* TRY IT:
The expected answer holds every line from the first line of the data below through the line containing "APARTMENTS AND PENTHOUSES',$,#14,$,$,.ELEMENT.,227.1001);", exactly as written, and no other line.

* DATA SHOWN:

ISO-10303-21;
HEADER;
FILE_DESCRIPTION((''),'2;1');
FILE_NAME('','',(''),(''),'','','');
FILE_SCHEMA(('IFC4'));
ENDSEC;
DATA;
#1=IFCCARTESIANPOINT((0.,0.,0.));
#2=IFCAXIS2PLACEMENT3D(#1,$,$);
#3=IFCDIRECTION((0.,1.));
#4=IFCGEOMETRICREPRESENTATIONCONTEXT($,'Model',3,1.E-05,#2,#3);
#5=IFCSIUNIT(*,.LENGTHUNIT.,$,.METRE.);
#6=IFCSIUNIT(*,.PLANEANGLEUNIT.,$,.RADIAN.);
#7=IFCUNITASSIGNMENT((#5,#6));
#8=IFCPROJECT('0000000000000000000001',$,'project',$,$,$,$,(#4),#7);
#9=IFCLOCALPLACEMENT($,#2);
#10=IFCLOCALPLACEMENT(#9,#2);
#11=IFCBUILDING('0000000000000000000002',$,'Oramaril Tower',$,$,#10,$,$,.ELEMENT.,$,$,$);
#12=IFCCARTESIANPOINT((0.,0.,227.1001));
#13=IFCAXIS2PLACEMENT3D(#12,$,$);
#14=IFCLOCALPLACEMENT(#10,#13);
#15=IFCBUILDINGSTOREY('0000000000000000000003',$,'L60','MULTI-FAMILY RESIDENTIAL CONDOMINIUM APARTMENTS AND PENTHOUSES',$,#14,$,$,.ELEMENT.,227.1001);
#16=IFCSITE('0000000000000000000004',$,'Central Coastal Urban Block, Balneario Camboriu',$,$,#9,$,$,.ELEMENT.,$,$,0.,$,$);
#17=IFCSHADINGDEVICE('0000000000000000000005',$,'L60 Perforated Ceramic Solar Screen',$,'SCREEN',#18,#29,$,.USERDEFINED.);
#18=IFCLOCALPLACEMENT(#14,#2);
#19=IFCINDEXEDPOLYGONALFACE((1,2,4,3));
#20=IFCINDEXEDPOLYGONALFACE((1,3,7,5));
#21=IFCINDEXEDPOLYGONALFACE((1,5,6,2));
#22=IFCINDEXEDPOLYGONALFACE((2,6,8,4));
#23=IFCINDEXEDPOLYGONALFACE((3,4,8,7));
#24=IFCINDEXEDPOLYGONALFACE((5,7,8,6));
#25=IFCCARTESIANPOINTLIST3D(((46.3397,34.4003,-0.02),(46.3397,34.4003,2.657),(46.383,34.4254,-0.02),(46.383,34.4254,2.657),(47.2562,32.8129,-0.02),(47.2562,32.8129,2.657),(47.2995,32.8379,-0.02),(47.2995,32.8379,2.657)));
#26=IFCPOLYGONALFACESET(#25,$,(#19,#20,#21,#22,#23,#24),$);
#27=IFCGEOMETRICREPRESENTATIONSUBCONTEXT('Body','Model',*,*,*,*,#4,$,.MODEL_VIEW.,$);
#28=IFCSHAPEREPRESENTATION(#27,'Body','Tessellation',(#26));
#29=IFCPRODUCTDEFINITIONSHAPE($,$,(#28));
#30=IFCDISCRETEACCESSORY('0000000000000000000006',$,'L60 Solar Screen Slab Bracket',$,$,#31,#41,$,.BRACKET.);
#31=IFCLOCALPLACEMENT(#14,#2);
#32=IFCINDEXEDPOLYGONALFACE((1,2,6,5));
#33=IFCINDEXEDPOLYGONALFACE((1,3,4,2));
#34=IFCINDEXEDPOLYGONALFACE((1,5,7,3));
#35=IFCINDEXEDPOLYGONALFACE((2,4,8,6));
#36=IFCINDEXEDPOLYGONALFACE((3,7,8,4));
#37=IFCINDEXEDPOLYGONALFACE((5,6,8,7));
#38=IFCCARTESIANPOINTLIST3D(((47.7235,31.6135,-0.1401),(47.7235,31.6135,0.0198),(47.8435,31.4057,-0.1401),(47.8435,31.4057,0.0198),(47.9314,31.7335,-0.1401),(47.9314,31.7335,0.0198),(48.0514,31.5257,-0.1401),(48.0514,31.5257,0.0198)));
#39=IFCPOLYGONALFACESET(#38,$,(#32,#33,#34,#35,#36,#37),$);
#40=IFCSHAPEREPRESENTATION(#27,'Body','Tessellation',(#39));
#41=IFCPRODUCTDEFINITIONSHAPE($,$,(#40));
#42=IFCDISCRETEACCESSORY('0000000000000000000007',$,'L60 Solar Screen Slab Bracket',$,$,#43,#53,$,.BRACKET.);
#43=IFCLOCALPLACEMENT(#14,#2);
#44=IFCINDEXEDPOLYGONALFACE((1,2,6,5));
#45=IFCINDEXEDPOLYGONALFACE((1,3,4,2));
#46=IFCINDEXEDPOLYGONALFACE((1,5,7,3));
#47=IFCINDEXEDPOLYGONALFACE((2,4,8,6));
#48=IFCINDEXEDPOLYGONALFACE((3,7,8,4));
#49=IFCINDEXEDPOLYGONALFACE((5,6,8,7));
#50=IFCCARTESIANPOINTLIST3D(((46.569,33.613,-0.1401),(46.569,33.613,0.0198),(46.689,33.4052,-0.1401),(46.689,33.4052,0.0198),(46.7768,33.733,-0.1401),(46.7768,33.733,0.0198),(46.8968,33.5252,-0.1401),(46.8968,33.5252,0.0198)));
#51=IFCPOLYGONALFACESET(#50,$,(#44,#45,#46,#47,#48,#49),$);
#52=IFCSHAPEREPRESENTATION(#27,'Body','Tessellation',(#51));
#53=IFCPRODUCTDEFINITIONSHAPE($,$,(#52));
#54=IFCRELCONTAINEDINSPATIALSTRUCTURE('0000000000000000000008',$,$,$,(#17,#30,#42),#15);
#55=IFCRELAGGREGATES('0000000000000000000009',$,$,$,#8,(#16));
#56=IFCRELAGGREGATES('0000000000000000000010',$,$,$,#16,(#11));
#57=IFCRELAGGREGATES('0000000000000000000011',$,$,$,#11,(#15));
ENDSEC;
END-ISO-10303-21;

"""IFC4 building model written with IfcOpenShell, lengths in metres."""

from ifc_helpers import new_model, si_unit, direction, frame, origin, origin_2d, place, context, subcontext, project, spatial, rectangle, extrude, element, save


model = new_model("IFC4")

# Units and contexts
model_context = context("Model", 3, precision=1e-05, world=origin(), true_north=direction((0.0, 1.0)))
body_context = subcontext(model_context, "Body", "Model", "MODEL_VIEW")
ifc_project = project(units=[si_unit("LENGTHUNIT", "METRE"), si_unit("PLANEANGLEUNIT", "RADIAN")], contexts=[model_context])

# Site, building, storey
site_placement = place(None, origin())
site = spatial("IfcSite", under=ifc_project, at=site_placement, Name="Central Coastal Urban Block, Balneario Camboriu", CompositionType="ELEMENT", RefElevation=0.0)
building_placement = place(site_placement, origin())
building = spatial("IfcBuilding", under=site, at=building_placement, Name="Oramaril Tower", CompositionType="ELEMENT")
storey_placement = place(building_placement, frame((0.0, 0.0, 227.1001)))
storey = spatial("IfcBuildingStorey", under=building, at=storey_placement, Name="L60", Description="MULTI-FAMILY RESIDENTIAL CONDOMINIUM APARTMENTS AND PENTHOUSES", CompositionType="ELEMENT", Elevation=227.1001)

# Shading device
for number, where, z_axis, x_axis, name in (
    (1, (46.8196, 33.6191, -0.02), (0.0, 0.0, 1.0), (-0.499995, 0.866028, 0.0), "L60 Perforated Ceramic Solar Screen"),
):
    element("IfcShadingDevice", number, at=place(storey_placement, frame(where, z_axis=z_axis, x_axis=x_axis)), inside=storey, Name=name, ObjectType="SCREEN", PredefinedType="USERDEFINED", context=body_context, shape_type="SweptSolid", body=[
        extrude(rectangle(XDim=1.833, YDim=0.05, at=origin_2d()), origin(), (0.0, 0.0, 1.0), 2.677),
    ])

# Discrete accessories
for number, where, z_axis, x_axis, name in (
    (2, (47.8875, 31.5696, -0.1401), (0.0, 0.0, 1.0), (-0.499995, 0.866028, 0.0), "L60 Solar Screen Slab Bracket"),
    (3, (46.7329, 33.5691, -0.1401), (0.0, 0.0, 1.0), (-0.499995, 0.866028, 0.0), "L60 Solar Screen Slab Bracket"),
):
    element("IfcDiscreteAccessory", number, at=place(storey_placement, frame(where, z_axis=z_axis, x_axis=x_axis)), inside=storey, Name=name, PredefinedType="BRACKET", context=body_context, shape_type="SweptSolid", body=[
        extrude(rectangle(XDim=0.24, YDim=0.24, at=origin_2d()), origin(), (0.0, 0.0, 1.0), 0.1599),
    ])

save(model, "model.ifc")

* TASK RESULT:
ISO-10303-21;
HEADER;
FILE_DESCRIPTION((''),'2;1');
FILE_NAME('','',(''),(''),'','','');
FILE_SCHEMA(('IFC4'));
ENDSEC;
DATA;
#1=IFCCARTESIANPOINT((0.,0.,0.));
#2=IFCAXIS2PLACEMENT3D(#1,$,$);
#3=IFCDIRECTION((0.,1.));
#4=IFCGEOMETRICREPRESENTATIONCONTEXT($,'Model',3,1.E-05,#2,#3);
#5=IFCSIUNIT(*,.LENGTHUNIT.,$,.METRE.);
#6=IFCSIUNIT(*,.PLANEANGLEUNIT.,$,.RADIAN.);
#7=IFCUNITASSIGNMENT((#5,#6));
#8=IFCPROJECT('0000000000000000000001',$,'project',$,$,$,$,(#4),#7);
#9=IFCLOCALPLACEMENT($,#2);
#10=IFCLOCALPLACEMENT(#9,#2);
#11=IFCBUILDING('0000000000000000000002',$,'Oramaril Tower',$,$,#10,$,$,.ELEMENT.,$,$,$);
#12=IFCCARTESIANPOINT((0.,0.,227.1001));
#13=IFCAXIS2PLACEMENT3D(#12,$,$);
#14=IFCLOCALPLACEMENT(#10,#13);
#15=IFCBUILDINGSTOREY('0000000000000000000003',$,'L60','MULTI-FAMILY RESIDENTIAL CONDOMINIUM APARTMENTS AND PENTHOUSES',$,#14,$,$,.ELEMENT.,227.1001);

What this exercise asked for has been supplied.